## Task details
The lines you return must be all those in the data that hold the string "polyline".

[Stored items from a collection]

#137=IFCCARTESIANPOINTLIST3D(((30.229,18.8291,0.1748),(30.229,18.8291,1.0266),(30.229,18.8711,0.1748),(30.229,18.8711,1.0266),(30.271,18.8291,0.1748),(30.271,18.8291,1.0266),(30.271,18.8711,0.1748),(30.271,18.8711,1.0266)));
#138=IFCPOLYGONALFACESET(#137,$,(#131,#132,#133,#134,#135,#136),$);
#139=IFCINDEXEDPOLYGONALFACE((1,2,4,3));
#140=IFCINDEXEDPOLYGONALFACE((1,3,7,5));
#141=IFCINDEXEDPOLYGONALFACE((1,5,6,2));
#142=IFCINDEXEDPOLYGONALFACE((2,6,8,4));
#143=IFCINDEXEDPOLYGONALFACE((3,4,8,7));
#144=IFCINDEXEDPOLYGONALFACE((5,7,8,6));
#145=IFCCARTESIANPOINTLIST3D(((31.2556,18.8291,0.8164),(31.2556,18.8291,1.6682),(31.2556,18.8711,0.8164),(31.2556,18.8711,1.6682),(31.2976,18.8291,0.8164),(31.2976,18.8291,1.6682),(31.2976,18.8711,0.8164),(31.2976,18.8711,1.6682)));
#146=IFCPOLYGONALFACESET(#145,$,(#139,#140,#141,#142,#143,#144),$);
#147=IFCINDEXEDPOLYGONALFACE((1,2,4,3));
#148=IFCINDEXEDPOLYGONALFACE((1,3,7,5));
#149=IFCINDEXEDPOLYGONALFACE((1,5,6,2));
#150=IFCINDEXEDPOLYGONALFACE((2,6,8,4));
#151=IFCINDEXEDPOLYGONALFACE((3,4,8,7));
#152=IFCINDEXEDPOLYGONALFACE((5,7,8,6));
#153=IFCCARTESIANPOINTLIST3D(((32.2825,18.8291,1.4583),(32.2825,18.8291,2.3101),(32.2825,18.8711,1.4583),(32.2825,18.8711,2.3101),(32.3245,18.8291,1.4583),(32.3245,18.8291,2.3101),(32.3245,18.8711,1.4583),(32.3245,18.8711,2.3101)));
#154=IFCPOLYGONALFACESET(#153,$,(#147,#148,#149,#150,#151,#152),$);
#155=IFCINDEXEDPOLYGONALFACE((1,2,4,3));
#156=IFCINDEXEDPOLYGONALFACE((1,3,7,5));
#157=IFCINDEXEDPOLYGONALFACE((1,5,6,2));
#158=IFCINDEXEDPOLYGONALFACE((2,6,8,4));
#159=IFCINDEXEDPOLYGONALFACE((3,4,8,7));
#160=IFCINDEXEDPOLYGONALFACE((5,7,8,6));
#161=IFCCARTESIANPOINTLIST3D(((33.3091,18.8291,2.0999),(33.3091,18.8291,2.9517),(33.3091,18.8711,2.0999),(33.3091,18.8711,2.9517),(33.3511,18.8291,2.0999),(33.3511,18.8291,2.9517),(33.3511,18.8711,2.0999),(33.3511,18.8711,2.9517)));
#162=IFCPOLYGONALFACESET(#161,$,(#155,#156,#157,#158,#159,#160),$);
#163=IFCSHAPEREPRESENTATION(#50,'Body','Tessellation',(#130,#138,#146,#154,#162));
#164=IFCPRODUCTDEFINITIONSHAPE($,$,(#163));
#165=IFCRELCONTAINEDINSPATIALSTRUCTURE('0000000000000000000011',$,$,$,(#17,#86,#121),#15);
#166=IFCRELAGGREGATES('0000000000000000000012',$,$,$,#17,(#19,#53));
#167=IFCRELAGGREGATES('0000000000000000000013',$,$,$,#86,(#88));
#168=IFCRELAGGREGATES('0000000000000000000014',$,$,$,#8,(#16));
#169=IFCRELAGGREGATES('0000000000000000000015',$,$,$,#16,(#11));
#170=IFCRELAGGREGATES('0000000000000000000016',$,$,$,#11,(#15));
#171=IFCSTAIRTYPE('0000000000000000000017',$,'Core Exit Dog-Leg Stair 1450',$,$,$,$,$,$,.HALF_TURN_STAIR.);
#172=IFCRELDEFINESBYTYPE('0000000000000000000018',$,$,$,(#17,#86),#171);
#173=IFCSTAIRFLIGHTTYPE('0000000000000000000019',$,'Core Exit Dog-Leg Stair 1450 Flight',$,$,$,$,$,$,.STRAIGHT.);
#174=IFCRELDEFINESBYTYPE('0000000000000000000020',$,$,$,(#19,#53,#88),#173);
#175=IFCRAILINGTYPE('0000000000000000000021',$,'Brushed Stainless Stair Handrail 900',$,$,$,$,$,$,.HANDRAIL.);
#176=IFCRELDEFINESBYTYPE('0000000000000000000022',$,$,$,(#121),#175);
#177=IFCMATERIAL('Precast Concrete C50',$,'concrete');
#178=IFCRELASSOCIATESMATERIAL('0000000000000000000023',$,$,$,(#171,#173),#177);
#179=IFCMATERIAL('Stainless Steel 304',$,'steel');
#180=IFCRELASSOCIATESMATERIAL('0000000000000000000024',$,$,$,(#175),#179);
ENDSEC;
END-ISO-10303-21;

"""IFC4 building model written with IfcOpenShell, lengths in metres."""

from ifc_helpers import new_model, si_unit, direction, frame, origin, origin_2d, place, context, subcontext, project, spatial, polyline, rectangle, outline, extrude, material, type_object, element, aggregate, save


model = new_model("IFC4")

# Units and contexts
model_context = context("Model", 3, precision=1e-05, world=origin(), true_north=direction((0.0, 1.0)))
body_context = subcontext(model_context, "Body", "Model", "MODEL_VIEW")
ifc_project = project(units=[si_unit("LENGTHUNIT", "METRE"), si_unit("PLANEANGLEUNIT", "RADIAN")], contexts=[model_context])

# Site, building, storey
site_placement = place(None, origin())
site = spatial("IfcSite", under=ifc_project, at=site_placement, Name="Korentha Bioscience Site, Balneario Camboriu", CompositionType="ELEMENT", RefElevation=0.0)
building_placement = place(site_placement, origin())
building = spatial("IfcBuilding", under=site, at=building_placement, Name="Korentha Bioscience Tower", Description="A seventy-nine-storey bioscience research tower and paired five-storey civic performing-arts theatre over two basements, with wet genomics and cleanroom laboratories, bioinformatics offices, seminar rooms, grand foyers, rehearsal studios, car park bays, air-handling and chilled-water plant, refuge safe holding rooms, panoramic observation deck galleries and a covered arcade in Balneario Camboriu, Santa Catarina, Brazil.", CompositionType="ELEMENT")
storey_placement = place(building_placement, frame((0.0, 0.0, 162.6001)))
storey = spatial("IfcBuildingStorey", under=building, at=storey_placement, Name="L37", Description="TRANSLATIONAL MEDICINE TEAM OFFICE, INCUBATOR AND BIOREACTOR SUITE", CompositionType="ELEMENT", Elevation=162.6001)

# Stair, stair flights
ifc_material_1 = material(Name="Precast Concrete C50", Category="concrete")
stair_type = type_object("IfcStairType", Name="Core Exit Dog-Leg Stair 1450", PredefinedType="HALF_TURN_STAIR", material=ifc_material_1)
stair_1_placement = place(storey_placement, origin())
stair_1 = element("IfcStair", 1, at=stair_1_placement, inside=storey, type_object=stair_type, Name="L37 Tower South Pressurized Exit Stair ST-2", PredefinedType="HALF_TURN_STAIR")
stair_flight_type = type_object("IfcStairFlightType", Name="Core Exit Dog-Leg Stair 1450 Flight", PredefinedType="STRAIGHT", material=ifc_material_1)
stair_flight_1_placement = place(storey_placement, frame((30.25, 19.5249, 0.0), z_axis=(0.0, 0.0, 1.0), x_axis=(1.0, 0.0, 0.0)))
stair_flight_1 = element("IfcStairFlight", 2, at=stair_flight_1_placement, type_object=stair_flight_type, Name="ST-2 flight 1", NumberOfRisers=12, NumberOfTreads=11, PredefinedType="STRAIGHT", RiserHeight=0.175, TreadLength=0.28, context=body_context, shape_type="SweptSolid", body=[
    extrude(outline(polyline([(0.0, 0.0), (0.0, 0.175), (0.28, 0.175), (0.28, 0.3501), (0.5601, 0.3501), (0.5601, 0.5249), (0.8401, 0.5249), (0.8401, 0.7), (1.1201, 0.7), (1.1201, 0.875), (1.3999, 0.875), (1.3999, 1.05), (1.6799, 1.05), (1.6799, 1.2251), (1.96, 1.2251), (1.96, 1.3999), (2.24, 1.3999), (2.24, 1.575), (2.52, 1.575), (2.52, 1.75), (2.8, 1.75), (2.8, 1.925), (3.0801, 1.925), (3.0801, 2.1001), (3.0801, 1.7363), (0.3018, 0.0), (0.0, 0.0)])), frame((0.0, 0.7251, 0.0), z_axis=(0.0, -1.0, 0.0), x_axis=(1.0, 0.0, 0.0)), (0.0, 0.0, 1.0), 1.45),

## Result of this exercise
from ifc_helpers import new_model, si_unit, direction, frame, origin, origin_2d, place, context, subcontext, project, spatial, polyline, rectangle, outline, extrude, material, type_object, element, aggregate, save
    extrude(outline(polyline([(0.0, 0.0), (0.0, 0.175), (0.28, 0.175), (0.28, 0.3501), (0.5601, 0.3501), (0.5601, 0.5249), (0.8401, 0.5249), (0.8401, 0.7), (1.1201, 0.7), (1.1201, 0.875), (1.3999, 0.875), (1.3999, 1.05), (1.6799, 1.05), (1.6799, 1.2251), (1.96, 1.2251), (1.96, 1.3999), (2.24, 1.3999), (2.24, 1.575), (2.52, 1.575), (2.52, 1.75), (2.8, 1.75), (2.8, 1.925), (3.0801, 1.925), (3.0801, 2.1001), (3.0801, 1.7363), (0.3018, 0.0), (0.0, 0.0)])), frame((0.0, 0.7251, 0.0), z_axis=(0.0, -1.0, 0.0), x_axis=(1.0, 0.0, 0.0)), (0.0, 0.0, 1.0), 1.45),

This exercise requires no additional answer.